TASK TO CARRY OUT:
Given the records below, would you repeat exactly the lines that begin at the one containing "#3=IFCDIRECTION((0.,1.));" and end at the one containing "#23=IFCINDEXEDPOLYGONALFACE((3,4,8,7));", inclusive?

Stored dataset items:

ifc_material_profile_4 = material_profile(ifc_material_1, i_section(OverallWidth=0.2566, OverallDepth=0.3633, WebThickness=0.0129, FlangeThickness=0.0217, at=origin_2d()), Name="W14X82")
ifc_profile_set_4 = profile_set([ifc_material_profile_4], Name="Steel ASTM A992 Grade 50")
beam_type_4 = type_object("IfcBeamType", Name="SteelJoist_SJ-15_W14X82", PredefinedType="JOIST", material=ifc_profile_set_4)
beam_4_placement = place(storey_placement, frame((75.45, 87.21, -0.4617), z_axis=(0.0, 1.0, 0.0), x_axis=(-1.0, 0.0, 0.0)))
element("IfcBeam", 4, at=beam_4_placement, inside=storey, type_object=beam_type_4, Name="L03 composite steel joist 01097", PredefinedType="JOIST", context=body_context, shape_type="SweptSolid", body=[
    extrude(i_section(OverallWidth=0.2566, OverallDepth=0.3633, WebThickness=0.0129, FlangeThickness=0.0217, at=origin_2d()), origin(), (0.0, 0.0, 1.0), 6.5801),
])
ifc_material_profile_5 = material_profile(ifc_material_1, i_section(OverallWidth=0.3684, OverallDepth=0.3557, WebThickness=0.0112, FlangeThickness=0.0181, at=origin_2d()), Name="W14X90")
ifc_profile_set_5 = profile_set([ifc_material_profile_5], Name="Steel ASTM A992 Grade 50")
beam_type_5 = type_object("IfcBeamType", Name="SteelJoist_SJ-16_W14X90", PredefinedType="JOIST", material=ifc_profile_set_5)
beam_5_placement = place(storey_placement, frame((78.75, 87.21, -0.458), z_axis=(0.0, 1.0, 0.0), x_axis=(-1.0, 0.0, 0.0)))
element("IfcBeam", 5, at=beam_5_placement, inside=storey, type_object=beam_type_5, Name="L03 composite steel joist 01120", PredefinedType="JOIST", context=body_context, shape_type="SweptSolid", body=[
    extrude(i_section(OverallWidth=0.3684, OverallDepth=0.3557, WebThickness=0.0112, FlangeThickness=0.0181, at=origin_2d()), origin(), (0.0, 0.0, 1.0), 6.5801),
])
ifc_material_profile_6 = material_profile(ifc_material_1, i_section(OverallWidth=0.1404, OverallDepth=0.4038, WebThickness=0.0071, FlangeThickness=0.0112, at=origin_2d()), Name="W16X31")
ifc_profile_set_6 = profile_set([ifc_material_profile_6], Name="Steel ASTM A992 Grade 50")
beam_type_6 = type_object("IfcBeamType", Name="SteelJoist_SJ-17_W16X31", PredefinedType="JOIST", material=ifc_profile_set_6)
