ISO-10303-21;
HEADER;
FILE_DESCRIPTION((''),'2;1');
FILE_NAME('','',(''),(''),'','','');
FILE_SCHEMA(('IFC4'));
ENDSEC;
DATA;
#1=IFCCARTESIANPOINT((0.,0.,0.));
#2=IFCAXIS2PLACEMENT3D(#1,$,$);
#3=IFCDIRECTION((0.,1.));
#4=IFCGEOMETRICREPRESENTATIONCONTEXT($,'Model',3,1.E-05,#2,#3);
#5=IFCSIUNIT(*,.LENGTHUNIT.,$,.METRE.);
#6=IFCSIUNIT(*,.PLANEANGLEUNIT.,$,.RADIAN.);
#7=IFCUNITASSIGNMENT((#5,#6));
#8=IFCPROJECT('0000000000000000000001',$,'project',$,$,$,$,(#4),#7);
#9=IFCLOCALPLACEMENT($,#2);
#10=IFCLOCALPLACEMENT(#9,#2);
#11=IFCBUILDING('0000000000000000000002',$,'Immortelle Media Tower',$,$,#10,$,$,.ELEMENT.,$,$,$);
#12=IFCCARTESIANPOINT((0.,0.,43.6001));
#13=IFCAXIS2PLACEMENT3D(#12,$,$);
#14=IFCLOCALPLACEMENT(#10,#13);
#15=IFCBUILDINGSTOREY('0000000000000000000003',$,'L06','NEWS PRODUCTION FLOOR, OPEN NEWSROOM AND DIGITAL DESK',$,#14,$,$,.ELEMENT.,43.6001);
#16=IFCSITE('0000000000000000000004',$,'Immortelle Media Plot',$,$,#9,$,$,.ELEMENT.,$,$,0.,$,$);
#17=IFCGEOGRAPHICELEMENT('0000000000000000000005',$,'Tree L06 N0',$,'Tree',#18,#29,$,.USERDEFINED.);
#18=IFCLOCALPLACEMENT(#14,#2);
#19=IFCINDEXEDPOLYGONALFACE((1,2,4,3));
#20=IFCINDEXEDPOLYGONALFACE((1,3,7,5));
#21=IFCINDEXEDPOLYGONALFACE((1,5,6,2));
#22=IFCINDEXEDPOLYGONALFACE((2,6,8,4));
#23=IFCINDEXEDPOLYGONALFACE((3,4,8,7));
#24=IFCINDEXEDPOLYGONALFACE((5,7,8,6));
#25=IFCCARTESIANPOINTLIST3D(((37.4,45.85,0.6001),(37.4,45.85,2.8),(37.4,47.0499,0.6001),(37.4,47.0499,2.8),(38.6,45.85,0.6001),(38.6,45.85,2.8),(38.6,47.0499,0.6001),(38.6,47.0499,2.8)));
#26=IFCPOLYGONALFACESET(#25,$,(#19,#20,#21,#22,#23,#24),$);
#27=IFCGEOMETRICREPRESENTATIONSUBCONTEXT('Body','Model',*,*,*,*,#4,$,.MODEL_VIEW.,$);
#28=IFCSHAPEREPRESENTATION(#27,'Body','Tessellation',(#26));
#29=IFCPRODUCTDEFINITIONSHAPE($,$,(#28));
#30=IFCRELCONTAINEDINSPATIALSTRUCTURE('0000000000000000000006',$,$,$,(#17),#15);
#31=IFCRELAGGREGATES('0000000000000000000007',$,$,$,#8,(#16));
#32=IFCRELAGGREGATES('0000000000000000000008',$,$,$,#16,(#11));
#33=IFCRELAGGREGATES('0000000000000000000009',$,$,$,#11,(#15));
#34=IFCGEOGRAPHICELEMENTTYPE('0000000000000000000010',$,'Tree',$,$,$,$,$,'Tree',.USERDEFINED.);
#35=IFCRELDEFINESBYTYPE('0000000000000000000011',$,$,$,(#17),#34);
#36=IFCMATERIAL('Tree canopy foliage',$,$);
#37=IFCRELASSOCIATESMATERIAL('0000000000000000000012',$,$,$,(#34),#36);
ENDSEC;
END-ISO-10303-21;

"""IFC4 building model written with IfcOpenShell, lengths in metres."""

from ifc_helpers import new_model, si_unit, direction, frame, origin, origin_2d, place, context, subcontext, project, spatial, rectangle, extrude, material, type_object, element, save


model = new_model("IFC4")

# Units and contexts
model_context = context("Model", 3, precision=1e-05, world=origin(), true_north=direction((0.0, 1.0)))
body_context = subcontext(model_context, "Body", "Model", "MODEL_VIEW")
ifc_project = project(units=[si_unit("LENGTHUNIT", "METRE"), si_unit("PLANEANGLEUNIT", "RADIAN")], contexts=[model_context])

# Site, building, storey
site_placement = place(None, origin())
site = spatial("IfcSite", under=ifc_project, at=site_placement, Name="Immortelle Media Plot", CompositionType="ELEMENT", RefElevation=0.0)
building_placement = place(site_placement, origin())
building = spatial("IfcBuilding", under=site, at=building_placement, Name="Immortelle Media Tower", CompositionType="ELEMENT")
storey_placement = place(building_placement, frame((0.0, 0.0, 43.6001)))
storey = spatial("IfcBuildingStorey", under=building, at=storey_placement, Name="L06", Description="NEWS PRODUCTION FLOOR, OPEN NEWSROOM AND DIGITAL DESK", CompositionType="ELEMENT", Elevation=43.6001)

# Geographic element
ifc_material_1 = material(Name="Tree canopy foliage")
geographic_element_type = type_object("IfcGeographicElementType", Name="Tree", ElementType="Tree", PredefinedType="USERDEFINED", material=ifc_material_1)
geographic_element_placement = place(storey_placement, frame((38.0, 46.45, 0.6001), z_axis=(0.0, 0.0, 1.0), x_axis=(1.0, 0.0, 0.0)))
element("IfcGeographicElement", 1, at=geographic_element_placement, inside=storey, type_object=geographic_element_type, Name="Tree L06 N0", ObjectType="Tree", PredefinedType="USERDEFINED", context=body_context, shape_type="SweptSolid", body=[
    extrude(rectangle(XDim=1.2, YDim=1.2, at=origin_2d()), origin(), (0.0, 0.0, 1.0), 2.2),
])

save(model, "model.ifc")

SOLUTION TO THE PROBLEM:
#3=IFCDIRECTION((0.,1.));
#4=IFCGEOMETRICREPRESENTATIONCONTEXT($,'Model',3,1.E-05,#2,#3);
#5=IFCSIUNIT(*,.LENGTHUNIT.,$,.METRE.);
#6=IFCSIUNIT(*,.PLANEANGLEUNIT.,$,.RADIAN.);
#7=IFCUNITASSIGNMENT((#5,#6));
#8=IFCPROJECT('0000000000000000000001',$,'project',$,$,$,$,(#4),#7);
#9=IFCLOCALPLACEMENT($,#2);
#10=IFCLOCALPLACEMENT(#9,#2);
#11=IFCBUILDING('0000000000000000000002',$,'Immortelle Media Tower',$,$,#10,$,$,.ELEMENT.,$,$,$);
#12=IFCCARTESIANPOINT((0.,0.,43.6001));
#13=IFCAXIS2PLACEMENT3D(#12,$,$);
#14=IFCLOCALPLACEMENT(#10,#13);
#15=IFCBUILDINGSTOREY('0000000000000000000003',$,'L06','NEWS PRODUCTION FLOOR, OPEN NEWSROOM AND DIGITAL DESK',$,#14,$,$,.ELEMENT.,43.6001);
#16=IFCSITE('0000000000000000000004',$,'Immortelle Media Plot',$,$,#9,$,$,.ELEMENT.,$,$,0.,$,$);
#17=IFCGEOGRAPHICELEMENT('0000000000000000000005',$,'Tree L06 N0',$,'Tree',#18,#29,$,.USERDEFINED.);
#18=IFCLOCALPLACEMENT(#14,#2);
#19=IFCINDEXEDPOLYGONALFACE((1,2,4,3));
#20=IFCINDEXEDPOLYGONALFACE((1,3,7,5));
#21=IFCINDEXEDPOLYGONALFACE((1,5,6,2));
#22=IFCINDEXEDPOLYGONALFACE((2,6,8,4));
#23=IFCINDEXEDPOLYGONALFACE((3,4,8,7));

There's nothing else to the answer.